Exercise prompt ▸
Give each record below again, without a single difference.

Information supplied ▸
══════
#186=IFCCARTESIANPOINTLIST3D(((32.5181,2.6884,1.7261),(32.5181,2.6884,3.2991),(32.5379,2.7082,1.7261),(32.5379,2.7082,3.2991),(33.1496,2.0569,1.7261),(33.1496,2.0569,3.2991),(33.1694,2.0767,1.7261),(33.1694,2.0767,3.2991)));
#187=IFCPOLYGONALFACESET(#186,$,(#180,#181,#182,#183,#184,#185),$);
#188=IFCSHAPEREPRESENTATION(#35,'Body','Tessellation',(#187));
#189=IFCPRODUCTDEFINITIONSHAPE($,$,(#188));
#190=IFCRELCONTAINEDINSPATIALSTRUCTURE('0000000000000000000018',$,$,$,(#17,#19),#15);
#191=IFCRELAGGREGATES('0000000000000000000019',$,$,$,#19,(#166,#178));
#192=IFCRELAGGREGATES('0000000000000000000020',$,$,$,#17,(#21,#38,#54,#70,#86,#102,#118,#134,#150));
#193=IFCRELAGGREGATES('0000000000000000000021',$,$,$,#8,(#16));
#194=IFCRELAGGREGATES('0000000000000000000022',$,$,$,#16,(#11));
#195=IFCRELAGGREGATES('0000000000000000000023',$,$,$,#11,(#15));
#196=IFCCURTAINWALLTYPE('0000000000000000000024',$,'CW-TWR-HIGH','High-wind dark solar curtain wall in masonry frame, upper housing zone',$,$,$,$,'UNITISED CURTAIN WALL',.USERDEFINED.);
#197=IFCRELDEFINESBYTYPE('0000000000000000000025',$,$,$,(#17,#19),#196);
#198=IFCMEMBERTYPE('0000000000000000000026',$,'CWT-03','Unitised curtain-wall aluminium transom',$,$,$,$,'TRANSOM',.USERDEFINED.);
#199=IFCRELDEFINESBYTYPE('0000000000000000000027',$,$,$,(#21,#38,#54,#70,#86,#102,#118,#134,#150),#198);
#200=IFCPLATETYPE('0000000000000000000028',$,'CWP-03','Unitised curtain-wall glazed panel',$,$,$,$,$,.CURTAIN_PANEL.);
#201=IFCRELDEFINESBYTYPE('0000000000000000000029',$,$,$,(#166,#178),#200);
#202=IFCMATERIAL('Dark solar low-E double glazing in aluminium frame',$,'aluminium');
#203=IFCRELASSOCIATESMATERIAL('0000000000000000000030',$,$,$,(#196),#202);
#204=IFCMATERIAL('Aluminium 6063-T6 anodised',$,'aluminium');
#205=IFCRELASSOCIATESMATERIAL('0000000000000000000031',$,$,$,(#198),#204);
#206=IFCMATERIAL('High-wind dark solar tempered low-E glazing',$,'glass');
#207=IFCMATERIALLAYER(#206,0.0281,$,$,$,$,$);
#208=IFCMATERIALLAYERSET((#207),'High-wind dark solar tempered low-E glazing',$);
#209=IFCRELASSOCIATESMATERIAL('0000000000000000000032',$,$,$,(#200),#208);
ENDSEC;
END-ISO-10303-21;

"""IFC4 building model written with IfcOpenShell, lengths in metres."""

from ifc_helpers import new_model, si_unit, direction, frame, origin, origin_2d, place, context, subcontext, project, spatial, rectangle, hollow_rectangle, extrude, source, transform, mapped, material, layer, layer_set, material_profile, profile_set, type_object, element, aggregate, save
══════
Task response ▸
#186=IFCCARTESIANPOINTLIST3D(((32.5181,2.6884,1.7261),(32.5181,2.6884,3.2991),(32.5379,2.7082,1.7261),(32.5379,2.7082,3.2991),(33.1496,2.0569,1.7261),(33.1496,2.0569,3.2991),(33.1694,2.0767,1.7261),(33.1694,2.0767,3.2991)));
#187=IFCPOLYGONALFACESET(#186,$,(#180,#181,#182,#183,#184,#185),$);
#188=IFCSHAPEREPRESENTATION(#35,'Body','Tessellation',(#187));
#189=IFCPRODUCTDEFINITIONSHAPE($,$,(#188));
#190=IFCRELCONTAINEDINSPATIALSTRUCTURE('0000000000000000000018',$,$,$,(#17,#19),#15);
#191=IFCRELAGGREGATES('0000000000000000000019',$,$,$,#19,(#166,#178));
#192=IFCRELAGGREGATES('0000000000000000000020',$,$,$,#17,(#21,#38,#54,#70,#86,#102,#118,#134,#150));
#193=IFCRELAGGREGATES('0000000000000000000021',$,$,$,#8,(#16));
#194=IFCRELAGGREGATES('0000000000000000000022',$,$,$,#16,(#11));
#195=IFCRELAGGREGATES('0000000000000000000023',$,$,$,#11,(#15));
#196=IFCCURTAINWALLTYPE('0000000000000000000024',$,'CW-TWR-HIGH','High-wind dark solar curtain wall in masonry frame, upper housing zone',$,$,$,$,'UNITISED CURTAIN WALL',.USERDEFINED.);
#197=IFCRELDEFINESBYTYPE('0000000000000000000025',$,$,$,(#17,#19),#196);
#198=IFCMEMBERTYPE('0000000000000000000026',$,'CWT-03','Unitised curtain-wall aluminium transom',$,$,$,$,'TRANSOM',.USERDEFINED.);
#199=IFCRELDEFINESBYTYPE('0000000000000000000027',$,$,$,(#21,#38,#54,#70,#86,#102,#118,#134,#150),#198);
#200=IFCPLATETYPE('0000000000000000000028',$,'CWP-03','Unitised curtain-wall glazed panel',$,$,$,$,$,.CURTAIN_PANEL.);
#201=IFCRELDEFINESBYTYPE('0000000000000000000029',$,$,$,(#166,#178),#200);
#202=IFCMATERIAL('Dark solar low-E double glazing in aluminium frame',$,'aluminium');
#203=IFCRELASSOCIATESMATERIAL('0000000000000000000030',$,$,$,(#196),#202);
#204=IFCMATERIAL('Aluminium 6063-T6 anodised',$,'aluminium');
#205=IFCRELASSOCIATESMATERIAL('0000000000000000000031',$,$,$,(#198),#204);
#206=IFCMATERIAL('High-wind dark solar tempered low-E glazing',$,'glass');
#207=IFCMATERIALLAYER(#206,0.0281,$,$,$,$,$);
#208=IFCMATERIALLAYERSET((#207),'High-wind dark solar tempered low-E glazing',$);
#209=IFCRELASSOCIATESMATERIAL('0000000000000000000032',$,$,$,(#200),#208);
ENDSEC;
END-ISO-10303-21;

"""IFC4 building model written with IfcOpenShell, lengths in metres."""

from ifc_helpers import new_model, si_unit, direction, frame, origin, origin_2d, place, context, subcontext, project, spatial, rectangle, hollow_rectangle, extrude, source, transform, mapped, material, layer, layer_set, material_profile, profile_set, type_object, element, aggregate, save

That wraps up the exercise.